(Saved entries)
════

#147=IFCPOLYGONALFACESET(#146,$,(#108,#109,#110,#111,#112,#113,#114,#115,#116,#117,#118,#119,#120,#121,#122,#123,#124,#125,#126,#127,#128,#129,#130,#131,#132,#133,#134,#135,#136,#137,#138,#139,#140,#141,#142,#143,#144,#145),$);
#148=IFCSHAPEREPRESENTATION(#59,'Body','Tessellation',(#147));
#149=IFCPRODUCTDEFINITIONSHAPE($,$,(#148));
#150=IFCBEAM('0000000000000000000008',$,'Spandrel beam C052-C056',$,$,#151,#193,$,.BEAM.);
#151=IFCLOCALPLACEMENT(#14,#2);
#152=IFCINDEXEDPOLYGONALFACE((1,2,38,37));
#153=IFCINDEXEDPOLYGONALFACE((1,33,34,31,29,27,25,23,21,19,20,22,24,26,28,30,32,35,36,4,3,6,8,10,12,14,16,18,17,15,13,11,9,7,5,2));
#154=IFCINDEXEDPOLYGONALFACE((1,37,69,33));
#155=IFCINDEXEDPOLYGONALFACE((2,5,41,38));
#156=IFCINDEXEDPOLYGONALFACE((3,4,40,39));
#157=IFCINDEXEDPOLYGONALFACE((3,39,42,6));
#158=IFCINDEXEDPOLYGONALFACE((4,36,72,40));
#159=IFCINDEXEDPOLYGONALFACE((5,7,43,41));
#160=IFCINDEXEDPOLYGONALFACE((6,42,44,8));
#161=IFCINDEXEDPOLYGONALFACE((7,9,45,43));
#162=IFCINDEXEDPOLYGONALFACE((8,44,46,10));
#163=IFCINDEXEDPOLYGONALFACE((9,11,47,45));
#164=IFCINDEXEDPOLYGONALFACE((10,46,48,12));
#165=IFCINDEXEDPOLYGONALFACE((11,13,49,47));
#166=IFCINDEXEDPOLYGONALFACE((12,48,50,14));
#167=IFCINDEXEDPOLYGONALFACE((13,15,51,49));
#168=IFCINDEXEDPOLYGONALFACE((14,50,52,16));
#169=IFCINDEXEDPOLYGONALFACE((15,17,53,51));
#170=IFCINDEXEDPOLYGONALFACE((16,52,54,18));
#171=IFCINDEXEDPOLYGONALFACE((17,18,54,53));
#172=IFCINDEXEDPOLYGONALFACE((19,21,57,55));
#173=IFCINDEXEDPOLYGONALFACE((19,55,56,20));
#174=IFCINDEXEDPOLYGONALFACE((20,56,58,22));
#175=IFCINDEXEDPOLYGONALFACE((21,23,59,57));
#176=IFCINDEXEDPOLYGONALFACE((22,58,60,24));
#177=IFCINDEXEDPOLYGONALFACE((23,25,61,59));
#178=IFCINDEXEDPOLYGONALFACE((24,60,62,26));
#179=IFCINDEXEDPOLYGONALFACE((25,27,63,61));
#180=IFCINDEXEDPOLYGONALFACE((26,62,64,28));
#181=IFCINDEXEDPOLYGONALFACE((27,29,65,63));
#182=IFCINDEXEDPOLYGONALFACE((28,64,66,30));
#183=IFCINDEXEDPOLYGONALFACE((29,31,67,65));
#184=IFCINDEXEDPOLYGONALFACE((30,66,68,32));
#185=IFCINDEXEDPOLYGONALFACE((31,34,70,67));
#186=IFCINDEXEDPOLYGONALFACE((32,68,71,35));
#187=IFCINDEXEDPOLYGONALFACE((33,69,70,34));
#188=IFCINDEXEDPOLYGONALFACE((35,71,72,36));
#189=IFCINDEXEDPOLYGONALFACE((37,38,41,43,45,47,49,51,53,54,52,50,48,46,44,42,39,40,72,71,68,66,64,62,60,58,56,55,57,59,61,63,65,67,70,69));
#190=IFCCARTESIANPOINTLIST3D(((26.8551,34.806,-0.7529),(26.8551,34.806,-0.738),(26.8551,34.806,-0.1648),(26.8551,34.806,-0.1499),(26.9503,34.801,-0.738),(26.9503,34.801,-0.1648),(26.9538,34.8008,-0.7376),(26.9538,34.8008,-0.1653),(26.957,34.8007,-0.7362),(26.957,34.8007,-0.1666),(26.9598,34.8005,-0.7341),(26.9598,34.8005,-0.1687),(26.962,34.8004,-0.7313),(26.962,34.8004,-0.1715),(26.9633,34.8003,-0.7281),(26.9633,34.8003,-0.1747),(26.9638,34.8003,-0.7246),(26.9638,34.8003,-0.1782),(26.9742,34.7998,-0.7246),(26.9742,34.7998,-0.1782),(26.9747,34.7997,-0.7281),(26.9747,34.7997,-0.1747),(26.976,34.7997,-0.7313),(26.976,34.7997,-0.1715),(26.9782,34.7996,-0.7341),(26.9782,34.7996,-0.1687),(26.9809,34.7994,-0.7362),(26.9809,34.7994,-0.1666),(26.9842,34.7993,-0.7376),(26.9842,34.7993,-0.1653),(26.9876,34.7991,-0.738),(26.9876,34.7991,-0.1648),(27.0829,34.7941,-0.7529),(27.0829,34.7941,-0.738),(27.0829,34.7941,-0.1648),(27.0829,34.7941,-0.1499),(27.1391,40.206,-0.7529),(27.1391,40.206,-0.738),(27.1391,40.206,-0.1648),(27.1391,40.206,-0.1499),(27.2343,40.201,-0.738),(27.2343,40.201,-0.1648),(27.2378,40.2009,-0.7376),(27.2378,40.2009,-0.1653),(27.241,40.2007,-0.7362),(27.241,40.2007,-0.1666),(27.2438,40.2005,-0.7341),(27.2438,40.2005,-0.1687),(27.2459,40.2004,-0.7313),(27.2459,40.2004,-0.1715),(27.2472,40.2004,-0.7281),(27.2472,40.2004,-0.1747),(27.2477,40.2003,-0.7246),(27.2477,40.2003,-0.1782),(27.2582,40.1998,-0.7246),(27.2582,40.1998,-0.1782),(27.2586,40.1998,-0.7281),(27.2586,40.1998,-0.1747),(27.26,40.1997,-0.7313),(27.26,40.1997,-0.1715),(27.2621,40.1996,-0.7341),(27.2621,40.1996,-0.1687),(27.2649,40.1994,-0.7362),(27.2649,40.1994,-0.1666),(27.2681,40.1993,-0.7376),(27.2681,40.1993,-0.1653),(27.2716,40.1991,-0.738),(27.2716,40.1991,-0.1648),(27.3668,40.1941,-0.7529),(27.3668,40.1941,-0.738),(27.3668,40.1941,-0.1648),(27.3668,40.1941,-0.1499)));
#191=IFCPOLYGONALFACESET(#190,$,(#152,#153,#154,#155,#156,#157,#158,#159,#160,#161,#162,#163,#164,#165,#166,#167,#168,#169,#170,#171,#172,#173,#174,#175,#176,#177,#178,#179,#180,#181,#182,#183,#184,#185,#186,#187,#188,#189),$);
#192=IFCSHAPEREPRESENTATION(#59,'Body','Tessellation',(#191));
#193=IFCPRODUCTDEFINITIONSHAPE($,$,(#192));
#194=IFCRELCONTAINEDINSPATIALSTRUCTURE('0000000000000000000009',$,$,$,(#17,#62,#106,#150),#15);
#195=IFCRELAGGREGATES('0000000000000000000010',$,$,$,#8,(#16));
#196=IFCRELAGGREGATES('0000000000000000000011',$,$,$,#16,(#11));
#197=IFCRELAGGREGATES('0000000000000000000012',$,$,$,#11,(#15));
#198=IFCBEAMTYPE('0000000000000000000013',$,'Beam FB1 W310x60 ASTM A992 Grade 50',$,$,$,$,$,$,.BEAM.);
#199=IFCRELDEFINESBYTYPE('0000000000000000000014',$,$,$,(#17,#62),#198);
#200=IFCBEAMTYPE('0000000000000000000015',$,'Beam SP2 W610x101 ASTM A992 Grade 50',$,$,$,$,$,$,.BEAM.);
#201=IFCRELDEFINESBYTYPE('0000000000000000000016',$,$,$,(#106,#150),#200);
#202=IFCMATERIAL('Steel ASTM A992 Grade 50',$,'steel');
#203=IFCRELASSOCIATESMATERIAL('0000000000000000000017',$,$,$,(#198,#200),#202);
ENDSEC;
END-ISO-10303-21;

════

Reproduce only the lines above spanning from the line containing "#148=IFCSHAPEREPRESENTATION(#59,'Body','Tessellation',(#147));" through the line containing "#152=IFCINDEXEDPOLYGONALFACE((1,2,38,37));", word for word.

ANSWER TO THIS TASK
#148=IFCSHAPEREPRESENTATION(#59,'Body','Tessellation',(#147));
#149=IFCPRODUCTDEFINITIONSHAPE($,$,(#148));
#150=IFCBEAM('0000000000000000000008',$,'Spandrel beam C052-C056',$,$,#151,#193,$,.BEAM.);
#151=IFCLOCALPLACEMENT(#14,#2);
#152=IFCINDEXEDPOLYGONALFACE((1,2,38,37));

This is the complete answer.